• [Items from a data source]
┄┄┄┄┄┄┄┄┄┄┄┄┄┄┄┄┄┄┄┄

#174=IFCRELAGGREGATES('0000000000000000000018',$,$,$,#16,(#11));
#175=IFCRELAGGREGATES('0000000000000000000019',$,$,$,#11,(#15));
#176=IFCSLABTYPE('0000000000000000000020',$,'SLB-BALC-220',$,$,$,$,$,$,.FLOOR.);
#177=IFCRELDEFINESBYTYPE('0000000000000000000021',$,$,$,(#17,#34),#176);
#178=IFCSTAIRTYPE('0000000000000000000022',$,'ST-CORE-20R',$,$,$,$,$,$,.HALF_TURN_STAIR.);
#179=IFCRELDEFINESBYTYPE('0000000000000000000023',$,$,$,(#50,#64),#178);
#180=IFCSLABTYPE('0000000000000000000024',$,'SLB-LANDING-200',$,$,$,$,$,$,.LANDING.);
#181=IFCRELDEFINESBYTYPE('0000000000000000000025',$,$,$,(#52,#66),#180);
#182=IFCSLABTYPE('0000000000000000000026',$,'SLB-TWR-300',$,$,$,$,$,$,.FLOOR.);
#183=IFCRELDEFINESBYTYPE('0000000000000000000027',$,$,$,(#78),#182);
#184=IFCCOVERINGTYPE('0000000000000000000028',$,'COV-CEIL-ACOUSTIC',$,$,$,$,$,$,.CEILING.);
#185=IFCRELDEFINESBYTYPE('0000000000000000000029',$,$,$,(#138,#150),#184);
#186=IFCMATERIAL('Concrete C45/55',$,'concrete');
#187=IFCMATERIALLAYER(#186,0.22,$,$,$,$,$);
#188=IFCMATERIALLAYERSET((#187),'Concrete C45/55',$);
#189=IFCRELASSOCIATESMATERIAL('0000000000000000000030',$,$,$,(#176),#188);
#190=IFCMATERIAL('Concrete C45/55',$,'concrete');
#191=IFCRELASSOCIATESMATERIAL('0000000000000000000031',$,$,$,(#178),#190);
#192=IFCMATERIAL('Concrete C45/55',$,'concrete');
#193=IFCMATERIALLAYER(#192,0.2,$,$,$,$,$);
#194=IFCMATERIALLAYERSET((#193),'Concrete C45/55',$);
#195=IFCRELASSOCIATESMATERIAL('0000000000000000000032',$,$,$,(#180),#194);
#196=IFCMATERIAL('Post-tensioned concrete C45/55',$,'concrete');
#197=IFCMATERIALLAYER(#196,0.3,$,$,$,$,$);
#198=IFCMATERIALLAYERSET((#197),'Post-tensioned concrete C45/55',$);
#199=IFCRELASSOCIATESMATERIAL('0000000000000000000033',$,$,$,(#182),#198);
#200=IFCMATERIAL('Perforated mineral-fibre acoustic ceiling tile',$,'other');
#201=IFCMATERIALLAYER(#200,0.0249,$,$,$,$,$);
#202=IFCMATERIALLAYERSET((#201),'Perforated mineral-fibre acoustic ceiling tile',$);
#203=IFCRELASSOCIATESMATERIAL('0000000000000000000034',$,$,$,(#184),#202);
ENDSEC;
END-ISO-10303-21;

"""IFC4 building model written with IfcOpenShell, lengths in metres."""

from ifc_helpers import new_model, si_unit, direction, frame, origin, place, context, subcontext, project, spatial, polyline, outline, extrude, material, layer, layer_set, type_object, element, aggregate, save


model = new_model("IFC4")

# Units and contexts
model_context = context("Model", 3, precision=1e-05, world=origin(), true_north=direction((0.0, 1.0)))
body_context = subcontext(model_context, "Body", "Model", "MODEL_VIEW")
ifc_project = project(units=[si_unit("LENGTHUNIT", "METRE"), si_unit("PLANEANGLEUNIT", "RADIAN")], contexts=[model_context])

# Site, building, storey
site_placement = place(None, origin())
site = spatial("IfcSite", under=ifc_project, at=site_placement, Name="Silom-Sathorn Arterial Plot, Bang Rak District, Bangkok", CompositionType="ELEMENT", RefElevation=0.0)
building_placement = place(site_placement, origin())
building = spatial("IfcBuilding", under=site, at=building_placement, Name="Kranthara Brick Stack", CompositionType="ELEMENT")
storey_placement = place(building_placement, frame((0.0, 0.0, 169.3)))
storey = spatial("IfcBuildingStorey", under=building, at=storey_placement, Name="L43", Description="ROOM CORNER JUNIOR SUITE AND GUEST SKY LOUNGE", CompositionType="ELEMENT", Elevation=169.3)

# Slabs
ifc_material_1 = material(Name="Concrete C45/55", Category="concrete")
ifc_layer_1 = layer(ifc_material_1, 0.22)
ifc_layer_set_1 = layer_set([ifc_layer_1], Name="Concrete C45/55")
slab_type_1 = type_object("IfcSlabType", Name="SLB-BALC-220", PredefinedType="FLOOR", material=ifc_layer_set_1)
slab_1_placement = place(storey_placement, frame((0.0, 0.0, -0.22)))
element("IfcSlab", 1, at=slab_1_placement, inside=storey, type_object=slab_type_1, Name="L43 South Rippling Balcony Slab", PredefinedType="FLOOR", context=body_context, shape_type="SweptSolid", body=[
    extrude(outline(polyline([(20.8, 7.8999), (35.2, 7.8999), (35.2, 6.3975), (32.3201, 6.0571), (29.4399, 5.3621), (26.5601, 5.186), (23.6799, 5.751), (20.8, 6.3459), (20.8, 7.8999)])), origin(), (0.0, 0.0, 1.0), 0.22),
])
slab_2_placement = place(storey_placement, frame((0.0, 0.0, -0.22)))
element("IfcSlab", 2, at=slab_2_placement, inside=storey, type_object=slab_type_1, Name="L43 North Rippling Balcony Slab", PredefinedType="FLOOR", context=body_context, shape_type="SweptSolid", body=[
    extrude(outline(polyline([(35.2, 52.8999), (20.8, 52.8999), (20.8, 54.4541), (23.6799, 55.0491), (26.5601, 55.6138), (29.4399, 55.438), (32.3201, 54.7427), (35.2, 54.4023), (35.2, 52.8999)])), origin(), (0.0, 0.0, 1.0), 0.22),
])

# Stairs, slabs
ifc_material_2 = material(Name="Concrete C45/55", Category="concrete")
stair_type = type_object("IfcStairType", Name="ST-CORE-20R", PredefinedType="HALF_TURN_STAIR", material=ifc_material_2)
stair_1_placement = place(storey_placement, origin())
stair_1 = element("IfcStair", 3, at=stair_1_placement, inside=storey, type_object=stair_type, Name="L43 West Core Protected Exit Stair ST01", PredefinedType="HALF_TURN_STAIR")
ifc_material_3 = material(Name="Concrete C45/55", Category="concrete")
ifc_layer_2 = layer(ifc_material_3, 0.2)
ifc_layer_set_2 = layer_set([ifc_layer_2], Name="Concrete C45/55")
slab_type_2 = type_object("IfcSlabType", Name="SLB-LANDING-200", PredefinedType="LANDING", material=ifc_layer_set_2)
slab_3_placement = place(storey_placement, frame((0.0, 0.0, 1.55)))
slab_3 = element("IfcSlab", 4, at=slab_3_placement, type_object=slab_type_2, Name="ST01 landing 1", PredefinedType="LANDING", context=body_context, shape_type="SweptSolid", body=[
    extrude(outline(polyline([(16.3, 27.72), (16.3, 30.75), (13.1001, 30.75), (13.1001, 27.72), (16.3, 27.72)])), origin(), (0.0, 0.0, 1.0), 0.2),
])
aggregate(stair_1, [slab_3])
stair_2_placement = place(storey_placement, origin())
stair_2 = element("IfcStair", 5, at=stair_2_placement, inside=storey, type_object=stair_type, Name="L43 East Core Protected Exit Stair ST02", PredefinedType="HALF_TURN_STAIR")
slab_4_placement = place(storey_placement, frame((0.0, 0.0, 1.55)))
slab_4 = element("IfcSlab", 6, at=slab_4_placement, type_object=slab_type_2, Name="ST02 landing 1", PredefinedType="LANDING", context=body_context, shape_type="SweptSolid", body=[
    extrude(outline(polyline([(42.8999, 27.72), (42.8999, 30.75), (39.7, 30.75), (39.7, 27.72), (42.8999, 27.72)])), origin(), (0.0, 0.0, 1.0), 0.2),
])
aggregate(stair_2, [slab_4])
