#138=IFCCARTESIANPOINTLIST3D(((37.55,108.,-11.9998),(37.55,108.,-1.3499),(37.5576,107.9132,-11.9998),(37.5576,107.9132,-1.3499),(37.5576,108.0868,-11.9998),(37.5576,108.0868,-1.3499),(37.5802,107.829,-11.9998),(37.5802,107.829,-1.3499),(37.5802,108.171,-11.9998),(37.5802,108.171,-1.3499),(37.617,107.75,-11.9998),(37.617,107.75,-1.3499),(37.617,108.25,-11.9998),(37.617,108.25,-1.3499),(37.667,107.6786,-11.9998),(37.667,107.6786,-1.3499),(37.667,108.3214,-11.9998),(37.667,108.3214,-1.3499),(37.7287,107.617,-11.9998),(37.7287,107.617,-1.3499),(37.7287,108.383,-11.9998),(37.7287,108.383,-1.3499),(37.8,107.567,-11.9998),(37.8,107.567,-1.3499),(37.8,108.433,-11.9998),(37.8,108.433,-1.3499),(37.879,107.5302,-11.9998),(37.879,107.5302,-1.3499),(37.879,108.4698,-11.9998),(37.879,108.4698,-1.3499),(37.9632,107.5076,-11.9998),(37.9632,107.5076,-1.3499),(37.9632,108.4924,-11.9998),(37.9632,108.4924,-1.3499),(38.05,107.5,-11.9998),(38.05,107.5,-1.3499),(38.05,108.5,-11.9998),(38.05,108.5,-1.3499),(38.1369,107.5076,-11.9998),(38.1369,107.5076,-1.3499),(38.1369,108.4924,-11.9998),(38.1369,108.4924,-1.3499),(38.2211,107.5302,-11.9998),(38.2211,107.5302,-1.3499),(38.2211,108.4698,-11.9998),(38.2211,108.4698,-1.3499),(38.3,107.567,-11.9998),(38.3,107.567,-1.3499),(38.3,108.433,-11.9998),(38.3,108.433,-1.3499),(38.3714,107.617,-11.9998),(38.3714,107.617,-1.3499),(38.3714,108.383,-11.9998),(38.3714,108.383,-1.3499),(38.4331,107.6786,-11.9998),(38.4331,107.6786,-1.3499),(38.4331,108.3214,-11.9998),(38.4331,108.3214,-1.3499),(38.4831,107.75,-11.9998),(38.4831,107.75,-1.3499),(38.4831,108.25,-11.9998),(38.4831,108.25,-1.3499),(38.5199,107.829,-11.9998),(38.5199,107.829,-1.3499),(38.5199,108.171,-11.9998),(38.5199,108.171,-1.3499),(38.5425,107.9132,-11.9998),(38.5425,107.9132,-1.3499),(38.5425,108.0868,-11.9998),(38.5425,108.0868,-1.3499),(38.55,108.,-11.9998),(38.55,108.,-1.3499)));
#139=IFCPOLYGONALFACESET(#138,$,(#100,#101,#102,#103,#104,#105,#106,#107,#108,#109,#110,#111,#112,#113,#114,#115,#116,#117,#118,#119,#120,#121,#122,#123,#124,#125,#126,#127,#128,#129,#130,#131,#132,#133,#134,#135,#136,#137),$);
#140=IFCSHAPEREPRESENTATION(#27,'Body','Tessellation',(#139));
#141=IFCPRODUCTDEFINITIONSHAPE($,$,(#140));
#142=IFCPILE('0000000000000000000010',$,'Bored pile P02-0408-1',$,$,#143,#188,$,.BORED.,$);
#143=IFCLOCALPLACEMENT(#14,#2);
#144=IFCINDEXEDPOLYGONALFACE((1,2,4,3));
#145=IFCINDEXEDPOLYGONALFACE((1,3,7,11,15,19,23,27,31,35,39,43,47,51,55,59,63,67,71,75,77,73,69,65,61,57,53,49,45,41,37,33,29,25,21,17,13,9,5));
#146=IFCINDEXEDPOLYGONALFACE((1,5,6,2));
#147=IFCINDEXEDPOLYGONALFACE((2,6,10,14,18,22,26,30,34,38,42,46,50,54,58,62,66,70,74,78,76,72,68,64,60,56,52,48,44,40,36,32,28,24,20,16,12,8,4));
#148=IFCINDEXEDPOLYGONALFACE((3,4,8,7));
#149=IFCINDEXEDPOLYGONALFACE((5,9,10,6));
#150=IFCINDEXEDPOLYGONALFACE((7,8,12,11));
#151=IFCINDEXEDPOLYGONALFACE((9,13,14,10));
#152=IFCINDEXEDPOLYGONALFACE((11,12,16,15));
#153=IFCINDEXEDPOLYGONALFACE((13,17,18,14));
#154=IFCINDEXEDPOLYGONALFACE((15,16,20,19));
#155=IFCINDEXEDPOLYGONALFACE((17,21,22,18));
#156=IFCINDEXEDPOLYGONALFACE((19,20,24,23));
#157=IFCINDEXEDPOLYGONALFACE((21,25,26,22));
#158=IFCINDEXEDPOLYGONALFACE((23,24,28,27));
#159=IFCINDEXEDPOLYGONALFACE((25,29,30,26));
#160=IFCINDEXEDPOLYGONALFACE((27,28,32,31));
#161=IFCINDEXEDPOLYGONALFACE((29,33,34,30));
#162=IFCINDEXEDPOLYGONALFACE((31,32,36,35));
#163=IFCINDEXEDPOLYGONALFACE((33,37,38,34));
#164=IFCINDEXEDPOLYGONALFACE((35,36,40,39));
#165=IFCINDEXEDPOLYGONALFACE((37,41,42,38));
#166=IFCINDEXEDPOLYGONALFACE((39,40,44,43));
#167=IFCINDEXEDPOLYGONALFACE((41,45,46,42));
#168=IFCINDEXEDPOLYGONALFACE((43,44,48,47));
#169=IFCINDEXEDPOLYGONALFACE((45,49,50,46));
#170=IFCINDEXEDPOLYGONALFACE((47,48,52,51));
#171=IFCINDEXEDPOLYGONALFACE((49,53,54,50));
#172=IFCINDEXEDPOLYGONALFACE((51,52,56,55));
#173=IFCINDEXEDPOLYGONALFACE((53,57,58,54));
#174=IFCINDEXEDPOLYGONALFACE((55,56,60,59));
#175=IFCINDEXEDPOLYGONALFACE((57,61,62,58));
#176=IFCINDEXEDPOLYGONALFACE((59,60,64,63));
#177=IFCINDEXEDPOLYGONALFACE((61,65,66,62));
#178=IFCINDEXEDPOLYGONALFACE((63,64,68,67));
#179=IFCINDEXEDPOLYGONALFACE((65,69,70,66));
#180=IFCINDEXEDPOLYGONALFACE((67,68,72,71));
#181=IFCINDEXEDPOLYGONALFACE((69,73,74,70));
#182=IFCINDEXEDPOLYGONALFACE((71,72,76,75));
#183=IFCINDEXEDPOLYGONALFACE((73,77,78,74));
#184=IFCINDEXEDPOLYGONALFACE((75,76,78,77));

┄┄┄┄┄┄┄┄┄┄┄┄┄┄┄┄┄┄┄┄

• [Task statement]
Check each line above for the word "Post" and copy every line that has it.

• [Task output]
#196=IFCMATERIAL('Post-tensioned concrete C45/55',$,'concrete');
#198=IFCMATERIALLAYERSET((#197),'Post-tensioned concrete C45/55',$);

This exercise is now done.